Saved data entries
/---
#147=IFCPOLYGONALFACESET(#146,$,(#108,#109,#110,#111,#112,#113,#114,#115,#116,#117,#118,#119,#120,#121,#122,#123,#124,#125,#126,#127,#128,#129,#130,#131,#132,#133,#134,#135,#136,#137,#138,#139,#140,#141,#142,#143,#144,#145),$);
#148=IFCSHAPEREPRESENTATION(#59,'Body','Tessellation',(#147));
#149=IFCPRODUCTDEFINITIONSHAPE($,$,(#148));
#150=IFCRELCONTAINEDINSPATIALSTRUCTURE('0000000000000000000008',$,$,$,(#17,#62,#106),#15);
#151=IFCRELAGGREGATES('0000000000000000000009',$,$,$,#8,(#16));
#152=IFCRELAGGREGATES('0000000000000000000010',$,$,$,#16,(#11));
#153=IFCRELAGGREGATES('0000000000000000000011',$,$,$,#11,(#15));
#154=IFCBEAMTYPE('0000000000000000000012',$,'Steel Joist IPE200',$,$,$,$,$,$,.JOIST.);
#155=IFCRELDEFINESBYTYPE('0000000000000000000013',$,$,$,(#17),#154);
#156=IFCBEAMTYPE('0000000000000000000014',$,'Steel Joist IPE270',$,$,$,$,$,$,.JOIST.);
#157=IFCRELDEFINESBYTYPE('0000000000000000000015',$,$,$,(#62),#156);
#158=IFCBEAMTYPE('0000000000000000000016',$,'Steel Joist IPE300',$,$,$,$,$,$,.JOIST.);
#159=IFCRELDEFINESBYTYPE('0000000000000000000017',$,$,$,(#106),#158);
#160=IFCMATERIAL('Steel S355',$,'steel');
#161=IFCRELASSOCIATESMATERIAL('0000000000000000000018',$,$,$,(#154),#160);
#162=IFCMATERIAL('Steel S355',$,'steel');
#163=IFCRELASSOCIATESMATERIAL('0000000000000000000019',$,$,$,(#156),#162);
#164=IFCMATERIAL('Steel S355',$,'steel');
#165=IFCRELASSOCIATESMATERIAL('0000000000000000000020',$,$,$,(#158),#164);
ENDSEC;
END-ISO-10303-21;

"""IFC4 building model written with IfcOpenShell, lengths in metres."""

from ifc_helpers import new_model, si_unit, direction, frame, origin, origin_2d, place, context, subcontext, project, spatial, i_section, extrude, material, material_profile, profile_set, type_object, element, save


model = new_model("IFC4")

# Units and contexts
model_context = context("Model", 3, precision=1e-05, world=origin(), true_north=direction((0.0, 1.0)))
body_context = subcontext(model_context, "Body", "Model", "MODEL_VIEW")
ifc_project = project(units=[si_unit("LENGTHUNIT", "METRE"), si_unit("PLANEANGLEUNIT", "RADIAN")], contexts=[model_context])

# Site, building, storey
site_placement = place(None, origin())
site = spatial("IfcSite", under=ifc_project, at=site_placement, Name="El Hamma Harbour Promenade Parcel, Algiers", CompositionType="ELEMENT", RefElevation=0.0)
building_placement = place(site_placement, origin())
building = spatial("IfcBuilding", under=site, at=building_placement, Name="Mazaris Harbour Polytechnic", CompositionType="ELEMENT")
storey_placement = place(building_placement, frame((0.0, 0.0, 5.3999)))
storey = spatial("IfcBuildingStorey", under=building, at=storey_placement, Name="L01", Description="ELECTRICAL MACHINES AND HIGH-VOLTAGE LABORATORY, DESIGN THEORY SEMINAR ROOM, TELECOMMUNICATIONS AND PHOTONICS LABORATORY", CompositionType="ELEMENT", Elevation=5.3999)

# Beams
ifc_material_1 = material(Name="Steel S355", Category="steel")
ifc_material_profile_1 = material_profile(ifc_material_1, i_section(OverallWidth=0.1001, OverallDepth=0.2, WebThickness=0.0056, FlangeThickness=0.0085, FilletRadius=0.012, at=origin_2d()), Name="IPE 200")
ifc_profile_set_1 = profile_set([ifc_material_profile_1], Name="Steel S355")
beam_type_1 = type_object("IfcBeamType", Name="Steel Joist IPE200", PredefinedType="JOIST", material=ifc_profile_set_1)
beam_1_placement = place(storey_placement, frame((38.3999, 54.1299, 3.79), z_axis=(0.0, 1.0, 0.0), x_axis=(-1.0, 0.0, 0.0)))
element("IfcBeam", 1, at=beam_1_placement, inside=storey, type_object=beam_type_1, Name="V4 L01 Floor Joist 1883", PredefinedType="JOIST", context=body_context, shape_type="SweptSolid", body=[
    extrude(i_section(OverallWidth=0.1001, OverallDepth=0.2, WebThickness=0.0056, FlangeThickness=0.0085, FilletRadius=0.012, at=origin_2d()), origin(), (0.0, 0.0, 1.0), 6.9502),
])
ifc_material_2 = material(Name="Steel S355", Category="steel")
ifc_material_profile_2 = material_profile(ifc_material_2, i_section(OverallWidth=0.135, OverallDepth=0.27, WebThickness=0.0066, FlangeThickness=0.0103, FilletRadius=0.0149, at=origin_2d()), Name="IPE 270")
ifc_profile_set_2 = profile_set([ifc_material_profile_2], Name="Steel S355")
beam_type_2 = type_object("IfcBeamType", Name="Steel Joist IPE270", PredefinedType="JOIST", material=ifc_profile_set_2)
\---
- Task item
All that is needed is how many lines of the data contain "IFCMATERIAL", stated as a number.

- Answer for the task
3